(Stored items)
.....

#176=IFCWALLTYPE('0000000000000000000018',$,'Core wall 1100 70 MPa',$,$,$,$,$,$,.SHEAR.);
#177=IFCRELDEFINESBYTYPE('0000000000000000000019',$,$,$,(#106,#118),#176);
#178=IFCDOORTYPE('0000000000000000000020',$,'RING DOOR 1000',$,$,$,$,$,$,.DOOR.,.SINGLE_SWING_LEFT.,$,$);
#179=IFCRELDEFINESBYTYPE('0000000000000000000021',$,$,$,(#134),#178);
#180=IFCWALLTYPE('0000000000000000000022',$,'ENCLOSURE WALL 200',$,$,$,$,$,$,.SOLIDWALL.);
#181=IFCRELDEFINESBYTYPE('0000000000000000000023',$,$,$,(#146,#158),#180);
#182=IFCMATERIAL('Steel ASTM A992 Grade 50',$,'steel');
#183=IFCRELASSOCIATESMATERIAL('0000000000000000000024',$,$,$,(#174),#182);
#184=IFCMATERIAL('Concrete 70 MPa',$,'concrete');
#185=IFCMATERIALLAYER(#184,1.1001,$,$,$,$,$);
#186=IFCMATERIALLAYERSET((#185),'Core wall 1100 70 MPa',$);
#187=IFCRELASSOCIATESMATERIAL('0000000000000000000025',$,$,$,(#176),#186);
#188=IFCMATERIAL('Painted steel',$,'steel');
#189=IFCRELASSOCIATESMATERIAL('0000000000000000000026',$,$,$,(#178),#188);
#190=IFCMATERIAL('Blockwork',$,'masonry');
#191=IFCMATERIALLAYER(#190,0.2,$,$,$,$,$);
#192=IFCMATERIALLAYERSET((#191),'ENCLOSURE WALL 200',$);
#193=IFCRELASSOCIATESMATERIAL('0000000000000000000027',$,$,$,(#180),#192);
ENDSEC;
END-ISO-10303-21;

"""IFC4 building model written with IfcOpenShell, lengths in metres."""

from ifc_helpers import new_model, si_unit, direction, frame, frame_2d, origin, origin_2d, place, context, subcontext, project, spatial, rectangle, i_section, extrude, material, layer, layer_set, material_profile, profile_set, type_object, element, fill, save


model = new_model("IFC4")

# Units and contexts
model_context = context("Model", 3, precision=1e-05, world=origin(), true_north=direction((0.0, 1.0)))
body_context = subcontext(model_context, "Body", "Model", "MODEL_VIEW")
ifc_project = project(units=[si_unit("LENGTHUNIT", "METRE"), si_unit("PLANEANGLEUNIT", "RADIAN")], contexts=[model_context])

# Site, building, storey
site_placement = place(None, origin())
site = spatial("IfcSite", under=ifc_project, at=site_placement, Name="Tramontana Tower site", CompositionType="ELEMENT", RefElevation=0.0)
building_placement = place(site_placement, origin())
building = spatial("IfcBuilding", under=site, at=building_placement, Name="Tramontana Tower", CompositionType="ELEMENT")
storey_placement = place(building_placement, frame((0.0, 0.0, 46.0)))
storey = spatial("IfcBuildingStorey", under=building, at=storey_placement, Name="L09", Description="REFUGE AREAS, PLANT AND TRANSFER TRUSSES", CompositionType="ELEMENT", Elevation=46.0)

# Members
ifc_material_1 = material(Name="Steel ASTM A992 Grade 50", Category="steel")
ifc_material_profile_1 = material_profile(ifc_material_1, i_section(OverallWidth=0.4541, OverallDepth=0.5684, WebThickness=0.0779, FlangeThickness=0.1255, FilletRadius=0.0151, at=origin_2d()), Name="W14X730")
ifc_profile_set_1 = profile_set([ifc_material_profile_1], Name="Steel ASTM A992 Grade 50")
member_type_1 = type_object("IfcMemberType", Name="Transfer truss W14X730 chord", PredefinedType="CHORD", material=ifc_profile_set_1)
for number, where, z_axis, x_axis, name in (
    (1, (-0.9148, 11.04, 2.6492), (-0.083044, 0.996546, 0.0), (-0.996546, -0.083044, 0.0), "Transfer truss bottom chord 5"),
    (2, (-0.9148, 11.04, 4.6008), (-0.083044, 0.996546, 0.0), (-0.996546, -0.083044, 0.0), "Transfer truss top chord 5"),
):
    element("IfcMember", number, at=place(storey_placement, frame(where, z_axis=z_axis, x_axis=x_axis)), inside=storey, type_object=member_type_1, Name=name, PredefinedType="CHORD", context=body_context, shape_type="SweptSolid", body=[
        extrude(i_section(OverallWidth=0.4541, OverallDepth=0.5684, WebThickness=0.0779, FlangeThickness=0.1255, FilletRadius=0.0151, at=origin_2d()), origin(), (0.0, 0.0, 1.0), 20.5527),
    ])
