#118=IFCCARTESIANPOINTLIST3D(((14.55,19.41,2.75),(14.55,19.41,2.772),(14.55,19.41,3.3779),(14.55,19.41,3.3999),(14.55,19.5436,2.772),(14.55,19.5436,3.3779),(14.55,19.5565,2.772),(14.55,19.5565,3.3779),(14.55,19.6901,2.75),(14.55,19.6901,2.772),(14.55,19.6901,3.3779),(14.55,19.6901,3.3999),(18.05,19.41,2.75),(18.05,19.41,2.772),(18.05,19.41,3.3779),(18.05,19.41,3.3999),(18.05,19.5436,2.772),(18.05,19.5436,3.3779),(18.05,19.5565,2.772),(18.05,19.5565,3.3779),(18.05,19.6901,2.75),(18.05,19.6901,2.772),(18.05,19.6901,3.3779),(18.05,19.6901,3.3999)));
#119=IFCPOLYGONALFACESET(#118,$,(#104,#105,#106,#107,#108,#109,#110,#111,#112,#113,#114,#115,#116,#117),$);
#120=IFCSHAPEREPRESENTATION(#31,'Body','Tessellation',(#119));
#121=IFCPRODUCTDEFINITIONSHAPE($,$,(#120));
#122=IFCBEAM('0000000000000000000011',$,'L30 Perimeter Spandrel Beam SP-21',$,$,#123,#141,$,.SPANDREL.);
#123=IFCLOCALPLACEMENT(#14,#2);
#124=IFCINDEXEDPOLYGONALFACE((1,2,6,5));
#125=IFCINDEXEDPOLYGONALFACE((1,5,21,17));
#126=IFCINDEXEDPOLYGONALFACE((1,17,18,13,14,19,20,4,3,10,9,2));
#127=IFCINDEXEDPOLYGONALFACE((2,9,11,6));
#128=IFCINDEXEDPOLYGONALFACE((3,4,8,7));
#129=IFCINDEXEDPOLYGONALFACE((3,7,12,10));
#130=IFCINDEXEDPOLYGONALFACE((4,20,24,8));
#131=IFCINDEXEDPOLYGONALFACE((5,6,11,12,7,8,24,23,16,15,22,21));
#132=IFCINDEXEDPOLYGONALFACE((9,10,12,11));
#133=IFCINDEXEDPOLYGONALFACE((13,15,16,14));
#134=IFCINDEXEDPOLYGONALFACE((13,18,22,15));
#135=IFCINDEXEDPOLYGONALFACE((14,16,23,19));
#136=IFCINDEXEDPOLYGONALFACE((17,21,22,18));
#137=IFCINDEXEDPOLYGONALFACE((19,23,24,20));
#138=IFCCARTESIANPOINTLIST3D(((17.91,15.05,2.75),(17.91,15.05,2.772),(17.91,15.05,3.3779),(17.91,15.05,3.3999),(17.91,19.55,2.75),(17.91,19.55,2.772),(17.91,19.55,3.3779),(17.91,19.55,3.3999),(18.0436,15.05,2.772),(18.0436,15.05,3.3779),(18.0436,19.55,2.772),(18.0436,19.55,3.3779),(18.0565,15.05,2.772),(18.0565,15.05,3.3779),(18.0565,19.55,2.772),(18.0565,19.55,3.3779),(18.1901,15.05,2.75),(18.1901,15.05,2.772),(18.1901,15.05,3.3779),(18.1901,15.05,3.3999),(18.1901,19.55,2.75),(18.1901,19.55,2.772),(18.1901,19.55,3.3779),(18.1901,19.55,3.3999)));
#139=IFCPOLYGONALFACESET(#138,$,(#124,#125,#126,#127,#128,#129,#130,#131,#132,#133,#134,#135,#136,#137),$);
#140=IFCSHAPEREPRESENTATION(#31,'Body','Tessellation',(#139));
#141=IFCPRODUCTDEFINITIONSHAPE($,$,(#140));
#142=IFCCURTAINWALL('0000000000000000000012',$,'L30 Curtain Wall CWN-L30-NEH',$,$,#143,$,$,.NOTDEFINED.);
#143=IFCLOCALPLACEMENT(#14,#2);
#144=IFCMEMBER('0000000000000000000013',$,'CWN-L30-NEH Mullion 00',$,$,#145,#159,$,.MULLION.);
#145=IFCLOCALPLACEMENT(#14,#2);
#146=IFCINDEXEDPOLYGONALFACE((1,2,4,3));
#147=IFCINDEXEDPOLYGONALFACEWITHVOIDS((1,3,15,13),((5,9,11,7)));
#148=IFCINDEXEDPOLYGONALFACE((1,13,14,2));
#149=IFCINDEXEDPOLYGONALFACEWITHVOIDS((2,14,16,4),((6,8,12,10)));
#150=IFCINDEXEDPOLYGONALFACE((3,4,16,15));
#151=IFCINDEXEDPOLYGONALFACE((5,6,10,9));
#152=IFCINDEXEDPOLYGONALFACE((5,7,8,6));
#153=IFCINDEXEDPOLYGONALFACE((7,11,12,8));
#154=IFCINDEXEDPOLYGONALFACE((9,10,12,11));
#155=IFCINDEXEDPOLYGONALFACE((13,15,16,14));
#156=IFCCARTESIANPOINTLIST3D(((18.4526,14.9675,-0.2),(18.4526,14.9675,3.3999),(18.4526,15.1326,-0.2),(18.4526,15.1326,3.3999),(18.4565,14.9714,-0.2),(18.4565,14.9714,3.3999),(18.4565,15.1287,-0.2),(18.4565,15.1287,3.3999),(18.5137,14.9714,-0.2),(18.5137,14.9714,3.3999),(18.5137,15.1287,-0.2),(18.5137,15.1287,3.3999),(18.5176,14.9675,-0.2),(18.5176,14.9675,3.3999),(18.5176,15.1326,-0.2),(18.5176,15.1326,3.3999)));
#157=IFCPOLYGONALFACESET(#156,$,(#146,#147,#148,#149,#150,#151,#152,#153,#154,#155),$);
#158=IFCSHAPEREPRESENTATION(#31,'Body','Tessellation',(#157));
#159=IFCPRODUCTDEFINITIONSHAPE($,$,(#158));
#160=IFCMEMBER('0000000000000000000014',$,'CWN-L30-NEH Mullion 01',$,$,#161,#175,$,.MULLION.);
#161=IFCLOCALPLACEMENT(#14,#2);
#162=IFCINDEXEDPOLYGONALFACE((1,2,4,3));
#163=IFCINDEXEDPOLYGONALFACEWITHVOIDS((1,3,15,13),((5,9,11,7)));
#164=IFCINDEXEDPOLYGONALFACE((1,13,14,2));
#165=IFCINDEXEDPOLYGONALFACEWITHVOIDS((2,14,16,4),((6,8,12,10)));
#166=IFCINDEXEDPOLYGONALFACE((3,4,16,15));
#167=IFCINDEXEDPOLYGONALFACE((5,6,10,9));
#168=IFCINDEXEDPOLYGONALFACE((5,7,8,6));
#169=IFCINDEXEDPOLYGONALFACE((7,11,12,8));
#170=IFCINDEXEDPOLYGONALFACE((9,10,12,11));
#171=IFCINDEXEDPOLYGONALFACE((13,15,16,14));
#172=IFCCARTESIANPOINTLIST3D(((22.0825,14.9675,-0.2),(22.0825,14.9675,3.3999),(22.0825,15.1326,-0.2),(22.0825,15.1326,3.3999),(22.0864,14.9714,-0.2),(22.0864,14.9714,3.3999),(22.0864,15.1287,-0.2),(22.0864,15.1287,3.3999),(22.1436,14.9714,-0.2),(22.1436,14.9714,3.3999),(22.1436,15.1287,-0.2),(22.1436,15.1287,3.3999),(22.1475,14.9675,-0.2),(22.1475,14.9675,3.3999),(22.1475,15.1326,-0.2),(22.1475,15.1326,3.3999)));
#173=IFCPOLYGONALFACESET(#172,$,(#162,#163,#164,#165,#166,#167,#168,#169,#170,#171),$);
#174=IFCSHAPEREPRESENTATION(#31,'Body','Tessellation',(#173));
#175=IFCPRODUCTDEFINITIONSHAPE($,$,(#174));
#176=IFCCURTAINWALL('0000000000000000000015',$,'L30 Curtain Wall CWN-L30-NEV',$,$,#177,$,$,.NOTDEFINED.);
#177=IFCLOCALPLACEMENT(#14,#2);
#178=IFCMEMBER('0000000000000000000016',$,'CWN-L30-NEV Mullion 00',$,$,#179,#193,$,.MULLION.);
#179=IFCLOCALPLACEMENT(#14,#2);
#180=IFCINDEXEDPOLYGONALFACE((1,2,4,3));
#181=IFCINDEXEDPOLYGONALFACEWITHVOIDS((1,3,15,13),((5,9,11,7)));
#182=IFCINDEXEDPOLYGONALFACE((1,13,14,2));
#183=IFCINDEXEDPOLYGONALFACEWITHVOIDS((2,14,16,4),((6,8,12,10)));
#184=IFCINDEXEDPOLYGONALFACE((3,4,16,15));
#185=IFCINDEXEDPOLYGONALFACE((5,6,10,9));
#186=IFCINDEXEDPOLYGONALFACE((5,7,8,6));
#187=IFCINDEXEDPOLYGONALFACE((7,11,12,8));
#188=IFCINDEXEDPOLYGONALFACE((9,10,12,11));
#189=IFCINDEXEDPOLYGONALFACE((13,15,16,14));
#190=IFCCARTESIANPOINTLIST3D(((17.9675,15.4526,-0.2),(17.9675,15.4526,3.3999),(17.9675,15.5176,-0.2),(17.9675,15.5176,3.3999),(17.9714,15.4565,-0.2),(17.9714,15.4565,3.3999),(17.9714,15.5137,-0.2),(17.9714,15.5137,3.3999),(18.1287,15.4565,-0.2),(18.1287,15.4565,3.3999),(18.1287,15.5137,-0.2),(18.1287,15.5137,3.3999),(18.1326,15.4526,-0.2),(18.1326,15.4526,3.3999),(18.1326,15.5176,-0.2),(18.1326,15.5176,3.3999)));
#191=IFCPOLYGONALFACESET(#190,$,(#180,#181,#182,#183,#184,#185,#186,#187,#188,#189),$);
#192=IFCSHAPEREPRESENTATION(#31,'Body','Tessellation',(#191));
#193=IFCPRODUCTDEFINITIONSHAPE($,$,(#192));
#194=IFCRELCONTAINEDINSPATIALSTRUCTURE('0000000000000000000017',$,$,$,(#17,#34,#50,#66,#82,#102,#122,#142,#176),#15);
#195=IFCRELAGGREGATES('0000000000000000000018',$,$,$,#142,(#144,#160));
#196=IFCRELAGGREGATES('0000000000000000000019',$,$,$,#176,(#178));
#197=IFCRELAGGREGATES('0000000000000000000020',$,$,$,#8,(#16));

.....

Your assignment
Beginning at the top of the entries above, output each line exactly, and end with the line in which "#182=IFCMATERIAL('Steel ASTM A992" appears.

Answer to the problem
#176=IFCWALLTYPE('0000000000000000000018',$,'Core wall 1100 70 MPa',$,$,$,$,$,$,.SHEAR.);
#177=IFCRELDEFINESBYTYPE('0000000000000000000019',$,$,$,(#106,#118),#176);
#178=IFCDOORTYPE('0000000000000000000020',$,'RING DOOR 1000',$,$,$,$,$,$,.DOOR.,.SINGLE_SWING_LEFT.,$,$);
#179=IFCRELDEFINESBYTYPE('0000000000000000000021',$,$,$,(#134),#178);
#180=IFCWALLTYPE('0000000000000000000022',$,'ENCLOSURE WALL 200',$,$,$,$,$,$,.SOLIDWALL.);
#181=IFCRELDEFINESBYTYPE('0000000000000000000023',$,$,$,(#146,#158),#180);
#182=IFCMATERIAL('Steel ASTM A992 Grade 50',$,'steel');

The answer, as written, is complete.